- What to work on -
Starting at the first line of the entries below, output every line exactly, up to and including the line with "building_placement = place(site_placement, origin())".
◆ ◆ ◆ ◆ ◆ ◆ ◆
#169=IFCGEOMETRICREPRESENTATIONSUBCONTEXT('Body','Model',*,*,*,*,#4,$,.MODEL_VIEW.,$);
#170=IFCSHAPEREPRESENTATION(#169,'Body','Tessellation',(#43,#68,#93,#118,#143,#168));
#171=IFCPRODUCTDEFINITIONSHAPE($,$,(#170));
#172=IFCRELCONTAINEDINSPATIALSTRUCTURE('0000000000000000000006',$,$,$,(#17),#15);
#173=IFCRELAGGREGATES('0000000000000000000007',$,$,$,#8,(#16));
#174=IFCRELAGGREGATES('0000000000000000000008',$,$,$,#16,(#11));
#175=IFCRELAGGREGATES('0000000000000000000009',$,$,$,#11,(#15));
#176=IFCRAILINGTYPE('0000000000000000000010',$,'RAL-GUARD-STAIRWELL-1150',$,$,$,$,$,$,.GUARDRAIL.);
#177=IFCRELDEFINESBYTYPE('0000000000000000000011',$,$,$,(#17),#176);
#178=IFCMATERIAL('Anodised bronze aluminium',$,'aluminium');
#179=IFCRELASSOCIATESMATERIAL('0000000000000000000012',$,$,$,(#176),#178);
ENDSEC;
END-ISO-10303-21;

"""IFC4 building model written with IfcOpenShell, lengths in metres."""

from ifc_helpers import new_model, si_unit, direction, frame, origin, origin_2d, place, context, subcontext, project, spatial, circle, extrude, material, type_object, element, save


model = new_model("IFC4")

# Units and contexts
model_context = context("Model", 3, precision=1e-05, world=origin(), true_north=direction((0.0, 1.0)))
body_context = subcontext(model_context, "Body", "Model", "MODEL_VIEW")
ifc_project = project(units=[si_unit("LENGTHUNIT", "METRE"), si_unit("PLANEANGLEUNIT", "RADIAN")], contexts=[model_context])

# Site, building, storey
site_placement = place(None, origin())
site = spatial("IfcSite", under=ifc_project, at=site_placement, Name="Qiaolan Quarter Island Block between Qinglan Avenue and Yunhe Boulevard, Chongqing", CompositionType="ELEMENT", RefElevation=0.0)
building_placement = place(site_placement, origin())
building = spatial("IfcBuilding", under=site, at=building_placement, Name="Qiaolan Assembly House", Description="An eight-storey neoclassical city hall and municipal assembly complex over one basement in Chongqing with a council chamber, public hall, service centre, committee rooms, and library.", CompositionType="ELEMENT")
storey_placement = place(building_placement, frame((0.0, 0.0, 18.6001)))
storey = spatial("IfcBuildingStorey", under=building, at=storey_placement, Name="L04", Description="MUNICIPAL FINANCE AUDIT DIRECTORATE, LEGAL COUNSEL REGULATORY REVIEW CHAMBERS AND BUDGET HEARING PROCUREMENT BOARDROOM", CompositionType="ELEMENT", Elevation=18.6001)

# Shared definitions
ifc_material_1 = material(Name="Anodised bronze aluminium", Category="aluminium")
◆ ◆ ◆ ◆ ◆ ◆ ◆
- Exercise solution -
#169=IFCGEOMETRICREPRESENTATIONSUBCONTEXT('Body','Model',*,*,*,*,#4,$,.MODEL_VIEW.,$);
#170=IFCSHAPEREPRESENTATION(#169,'Body','Tessellation',(#43,#68,#93,#118,#143,#168));
#171=IFCPRODUCTDEFINITIONSHAPE($,$,(#170));
#172=IFCRELCONTAINEDINSPATIALSTRUCTURE('0000000000000000000006',$,$,$,(#17),#15);
#173=IFCRELAGGREGATES('0000000000000000000007',$,$,$,#8,(#16));
#174=IFCRELAGGREGATES('0000000000000000000008',$,$,$,#16,(#11));
#175=IFCRELAGGREGATES('0000000000000000000009',$,$,$,#11,(#15));
#176=IFCRAILINGTYPE('0000000000000000000010',$,'RAL-GUARD-STAIRWELL-1150',$,$,$,$,$,$,.GUARDRAIL.);
#177=IFCRELDEFINESBYTYPE('0000000000000000000011',$,$,$,(#17),#176);
#178=IFCMATERIAL('Anodised bronze aluminium',$,'aluminium');
#179=IFCRELASSOCIATESMATERIAL('0000000000000000000012',$,$,$,(#176),#178);
ENDSEC;
END-ISO-10303-21;

"""IFC4 building model written with IfcOpenShell, lengths in metres."""

from ifc_helpers import new_model, si_unit, direction, frame, origin, origin_2d, place, context, subcontext, project, spatial, circle, extrude, material, type_object, element, save


model = new_model("IFC4")

# Units and contexts
model_context = context("Model", 3, precision=1e-05, world=origin(), true_north=direction((0.0, 1.0)))
body_context = subcontext(model_context, "Body", "Model", "MODEL_VIEW")
ifc_project = project(units=[si_unit("LENGTHUNIT", "METRE"), si_unit("PLANEANGLEUNIT", "RADIAN")], contexts=[model_context])

# Site, building, storey
site_placement = place(None, origin())
site = spatial("IfcSite", under=ifc_project, at=site_placement, Name="Qiaolan Quarter Island Block between Qinglan Avenue and Yunhe Boulevard, Chongqing", CompositionType="ELEMENT", RefElevation=0.0)
building_placement = place(site_placement, origin())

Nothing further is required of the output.